EXERCISE BRIEF >> Would you reproduce exactly the lines below from the one holding "#157=IFCSHAPEREPRESENTATION(#144,'Body','Tessellation',(#156));" through the one holding "#162=IFCINDEXEDPOLYGONALFACE((1,3,7,5));", inclusive, and no others?

Records from a data source >>
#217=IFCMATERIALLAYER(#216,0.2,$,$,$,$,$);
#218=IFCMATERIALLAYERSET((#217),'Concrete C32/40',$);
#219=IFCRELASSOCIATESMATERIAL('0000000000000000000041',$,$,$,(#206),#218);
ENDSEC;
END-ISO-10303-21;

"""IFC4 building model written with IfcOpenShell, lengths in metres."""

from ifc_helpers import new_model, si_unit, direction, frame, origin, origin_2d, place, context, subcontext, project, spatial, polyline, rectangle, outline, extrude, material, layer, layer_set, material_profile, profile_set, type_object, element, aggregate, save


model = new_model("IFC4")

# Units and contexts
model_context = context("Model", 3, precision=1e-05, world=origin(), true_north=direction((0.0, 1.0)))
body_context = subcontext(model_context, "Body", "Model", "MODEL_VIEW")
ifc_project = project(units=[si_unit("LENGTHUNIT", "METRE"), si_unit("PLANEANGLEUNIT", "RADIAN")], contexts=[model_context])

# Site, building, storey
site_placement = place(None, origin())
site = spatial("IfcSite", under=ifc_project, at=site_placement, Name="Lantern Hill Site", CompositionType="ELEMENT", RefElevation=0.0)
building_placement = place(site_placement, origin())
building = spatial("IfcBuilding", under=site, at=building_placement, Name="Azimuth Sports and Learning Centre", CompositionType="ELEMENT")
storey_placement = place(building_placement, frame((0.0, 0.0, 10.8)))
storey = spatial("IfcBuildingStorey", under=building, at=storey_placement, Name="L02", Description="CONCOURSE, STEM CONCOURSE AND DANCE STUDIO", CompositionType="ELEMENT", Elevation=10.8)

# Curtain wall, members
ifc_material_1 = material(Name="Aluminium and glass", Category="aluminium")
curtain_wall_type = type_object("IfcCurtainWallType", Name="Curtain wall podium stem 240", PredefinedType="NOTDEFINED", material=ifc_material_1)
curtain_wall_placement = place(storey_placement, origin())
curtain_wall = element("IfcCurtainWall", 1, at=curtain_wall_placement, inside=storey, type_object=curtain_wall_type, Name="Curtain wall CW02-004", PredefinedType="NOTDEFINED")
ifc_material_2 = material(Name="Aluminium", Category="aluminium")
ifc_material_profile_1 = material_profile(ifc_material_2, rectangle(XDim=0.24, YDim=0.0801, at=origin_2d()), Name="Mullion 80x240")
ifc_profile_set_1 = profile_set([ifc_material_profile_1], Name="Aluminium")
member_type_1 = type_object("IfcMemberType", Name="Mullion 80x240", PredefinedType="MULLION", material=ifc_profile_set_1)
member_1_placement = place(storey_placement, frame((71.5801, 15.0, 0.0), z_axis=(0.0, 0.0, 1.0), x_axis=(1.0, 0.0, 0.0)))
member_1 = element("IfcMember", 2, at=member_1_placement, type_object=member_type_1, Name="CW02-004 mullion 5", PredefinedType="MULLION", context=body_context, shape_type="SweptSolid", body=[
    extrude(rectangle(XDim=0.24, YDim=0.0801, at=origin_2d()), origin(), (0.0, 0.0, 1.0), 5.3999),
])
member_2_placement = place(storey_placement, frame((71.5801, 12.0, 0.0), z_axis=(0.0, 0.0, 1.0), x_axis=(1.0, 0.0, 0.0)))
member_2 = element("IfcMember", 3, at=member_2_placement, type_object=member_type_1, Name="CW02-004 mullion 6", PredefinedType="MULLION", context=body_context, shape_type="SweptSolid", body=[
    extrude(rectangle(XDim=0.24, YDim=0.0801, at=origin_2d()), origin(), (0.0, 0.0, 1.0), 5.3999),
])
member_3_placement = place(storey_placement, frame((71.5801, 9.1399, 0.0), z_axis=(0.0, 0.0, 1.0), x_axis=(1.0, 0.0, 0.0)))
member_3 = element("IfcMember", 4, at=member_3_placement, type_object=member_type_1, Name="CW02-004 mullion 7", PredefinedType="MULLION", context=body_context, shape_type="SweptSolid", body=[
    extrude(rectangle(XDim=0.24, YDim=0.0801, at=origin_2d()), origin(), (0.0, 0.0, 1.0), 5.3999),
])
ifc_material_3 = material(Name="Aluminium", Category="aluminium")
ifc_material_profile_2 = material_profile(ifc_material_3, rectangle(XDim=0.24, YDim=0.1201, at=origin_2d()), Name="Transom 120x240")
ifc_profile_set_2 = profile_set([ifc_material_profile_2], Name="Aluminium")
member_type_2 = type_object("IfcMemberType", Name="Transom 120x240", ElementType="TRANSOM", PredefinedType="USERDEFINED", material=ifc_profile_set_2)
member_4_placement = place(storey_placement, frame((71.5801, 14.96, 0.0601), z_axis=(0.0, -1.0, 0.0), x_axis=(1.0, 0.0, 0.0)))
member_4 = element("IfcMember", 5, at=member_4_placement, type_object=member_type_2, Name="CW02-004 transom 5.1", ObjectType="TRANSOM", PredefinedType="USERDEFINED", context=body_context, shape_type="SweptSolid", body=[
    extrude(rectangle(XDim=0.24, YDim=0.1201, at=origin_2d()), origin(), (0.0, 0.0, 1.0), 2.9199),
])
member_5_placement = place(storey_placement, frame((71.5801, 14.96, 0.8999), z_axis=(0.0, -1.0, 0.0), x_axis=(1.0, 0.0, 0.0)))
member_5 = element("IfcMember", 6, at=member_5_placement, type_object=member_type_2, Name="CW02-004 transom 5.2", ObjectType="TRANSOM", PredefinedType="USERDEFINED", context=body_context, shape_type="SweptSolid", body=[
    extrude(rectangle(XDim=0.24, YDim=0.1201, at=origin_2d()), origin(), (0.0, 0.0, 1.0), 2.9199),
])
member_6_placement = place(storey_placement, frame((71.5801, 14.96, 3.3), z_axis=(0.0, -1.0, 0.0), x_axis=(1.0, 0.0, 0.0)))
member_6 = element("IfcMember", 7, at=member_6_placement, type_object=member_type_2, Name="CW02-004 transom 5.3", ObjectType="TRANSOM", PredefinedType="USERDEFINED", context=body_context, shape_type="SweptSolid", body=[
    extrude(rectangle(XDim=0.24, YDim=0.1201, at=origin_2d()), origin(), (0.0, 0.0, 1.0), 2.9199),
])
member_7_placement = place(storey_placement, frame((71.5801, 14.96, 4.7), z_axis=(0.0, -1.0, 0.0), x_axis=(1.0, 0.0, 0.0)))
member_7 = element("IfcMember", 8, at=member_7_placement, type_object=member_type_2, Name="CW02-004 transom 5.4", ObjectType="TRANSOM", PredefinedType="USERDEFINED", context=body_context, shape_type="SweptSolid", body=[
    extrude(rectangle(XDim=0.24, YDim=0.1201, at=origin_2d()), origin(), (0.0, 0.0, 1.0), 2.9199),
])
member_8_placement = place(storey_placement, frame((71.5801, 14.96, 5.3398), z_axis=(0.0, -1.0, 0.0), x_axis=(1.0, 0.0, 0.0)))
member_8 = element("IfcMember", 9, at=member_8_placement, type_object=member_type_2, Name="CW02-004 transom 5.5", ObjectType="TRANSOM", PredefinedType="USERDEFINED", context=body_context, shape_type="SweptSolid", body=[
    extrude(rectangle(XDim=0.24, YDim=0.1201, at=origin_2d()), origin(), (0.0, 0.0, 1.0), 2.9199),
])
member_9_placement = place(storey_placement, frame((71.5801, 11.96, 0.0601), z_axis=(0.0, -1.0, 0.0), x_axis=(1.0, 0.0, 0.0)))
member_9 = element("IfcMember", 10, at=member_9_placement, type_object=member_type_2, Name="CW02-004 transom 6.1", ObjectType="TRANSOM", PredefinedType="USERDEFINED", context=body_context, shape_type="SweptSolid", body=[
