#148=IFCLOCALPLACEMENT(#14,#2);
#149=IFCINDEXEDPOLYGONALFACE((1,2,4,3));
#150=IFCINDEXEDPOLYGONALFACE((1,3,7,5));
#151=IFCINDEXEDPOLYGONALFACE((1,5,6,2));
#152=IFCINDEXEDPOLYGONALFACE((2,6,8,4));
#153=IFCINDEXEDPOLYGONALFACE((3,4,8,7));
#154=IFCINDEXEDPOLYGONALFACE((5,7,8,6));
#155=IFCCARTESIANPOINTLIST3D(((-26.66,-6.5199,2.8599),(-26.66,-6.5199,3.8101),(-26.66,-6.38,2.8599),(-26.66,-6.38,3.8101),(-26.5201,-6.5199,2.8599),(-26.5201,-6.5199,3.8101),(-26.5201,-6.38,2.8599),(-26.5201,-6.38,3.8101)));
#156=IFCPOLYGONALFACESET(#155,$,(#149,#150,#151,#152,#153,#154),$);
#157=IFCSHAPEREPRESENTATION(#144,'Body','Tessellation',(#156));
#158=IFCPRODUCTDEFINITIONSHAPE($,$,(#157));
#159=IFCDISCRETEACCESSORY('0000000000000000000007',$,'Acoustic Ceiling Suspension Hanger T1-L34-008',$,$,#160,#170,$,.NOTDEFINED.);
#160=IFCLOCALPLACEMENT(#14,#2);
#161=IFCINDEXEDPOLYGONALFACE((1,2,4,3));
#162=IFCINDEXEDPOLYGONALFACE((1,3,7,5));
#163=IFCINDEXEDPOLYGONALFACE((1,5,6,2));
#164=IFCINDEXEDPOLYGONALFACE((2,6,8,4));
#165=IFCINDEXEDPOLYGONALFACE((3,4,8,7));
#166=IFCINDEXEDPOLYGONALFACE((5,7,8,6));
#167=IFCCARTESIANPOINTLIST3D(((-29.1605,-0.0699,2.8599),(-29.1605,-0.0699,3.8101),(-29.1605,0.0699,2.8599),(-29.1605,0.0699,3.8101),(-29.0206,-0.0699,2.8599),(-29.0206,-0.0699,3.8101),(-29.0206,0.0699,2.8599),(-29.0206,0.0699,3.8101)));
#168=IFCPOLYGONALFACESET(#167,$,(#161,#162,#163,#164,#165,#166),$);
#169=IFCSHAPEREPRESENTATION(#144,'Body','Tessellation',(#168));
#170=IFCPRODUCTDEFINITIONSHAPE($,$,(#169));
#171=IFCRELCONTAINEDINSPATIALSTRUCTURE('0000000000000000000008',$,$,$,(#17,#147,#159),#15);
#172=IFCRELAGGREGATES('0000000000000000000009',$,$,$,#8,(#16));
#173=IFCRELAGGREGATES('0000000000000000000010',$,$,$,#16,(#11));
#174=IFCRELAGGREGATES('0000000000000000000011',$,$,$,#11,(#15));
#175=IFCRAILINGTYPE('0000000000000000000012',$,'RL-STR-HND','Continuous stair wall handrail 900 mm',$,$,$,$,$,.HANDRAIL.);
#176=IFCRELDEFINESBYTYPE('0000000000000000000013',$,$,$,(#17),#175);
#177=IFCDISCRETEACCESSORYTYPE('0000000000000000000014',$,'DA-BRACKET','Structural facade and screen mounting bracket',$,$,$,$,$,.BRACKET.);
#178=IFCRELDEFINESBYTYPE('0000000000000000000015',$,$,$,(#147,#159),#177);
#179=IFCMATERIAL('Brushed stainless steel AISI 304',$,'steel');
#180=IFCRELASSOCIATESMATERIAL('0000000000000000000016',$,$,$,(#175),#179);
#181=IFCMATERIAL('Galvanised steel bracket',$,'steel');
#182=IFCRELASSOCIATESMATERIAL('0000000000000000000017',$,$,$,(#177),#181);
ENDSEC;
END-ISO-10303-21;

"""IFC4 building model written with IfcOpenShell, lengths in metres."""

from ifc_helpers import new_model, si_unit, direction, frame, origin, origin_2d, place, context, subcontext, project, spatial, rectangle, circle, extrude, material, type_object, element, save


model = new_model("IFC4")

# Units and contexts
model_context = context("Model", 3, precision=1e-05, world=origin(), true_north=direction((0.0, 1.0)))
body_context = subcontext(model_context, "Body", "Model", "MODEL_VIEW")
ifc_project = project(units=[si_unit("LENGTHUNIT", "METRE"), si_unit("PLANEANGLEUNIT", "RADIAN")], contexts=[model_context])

OUTPUT FOR THIS EXERCISE >>
#157=IFCSHAPEREPRESENTATION(#144,'Body','Tessellation',(#156));
#158=IFCPRODUCTDEFINITIONSHAPE($,$,(#157));
#159=IFCDISCRETEACCESSORY('0000000000000000000007',$,'Acoustic Ceiling Suspension Hanger T1-L34-008',$,$,#160,#170,$,.NOTDEFINED.);
#160=IFCLOCALPLACEMENT(#14,#2);
#161=IFCINDEXEDPOLYGONALFACE((1,2,4,3));
#162=IFCINDEXEDPOLYGONALFACE((1,3,7,5));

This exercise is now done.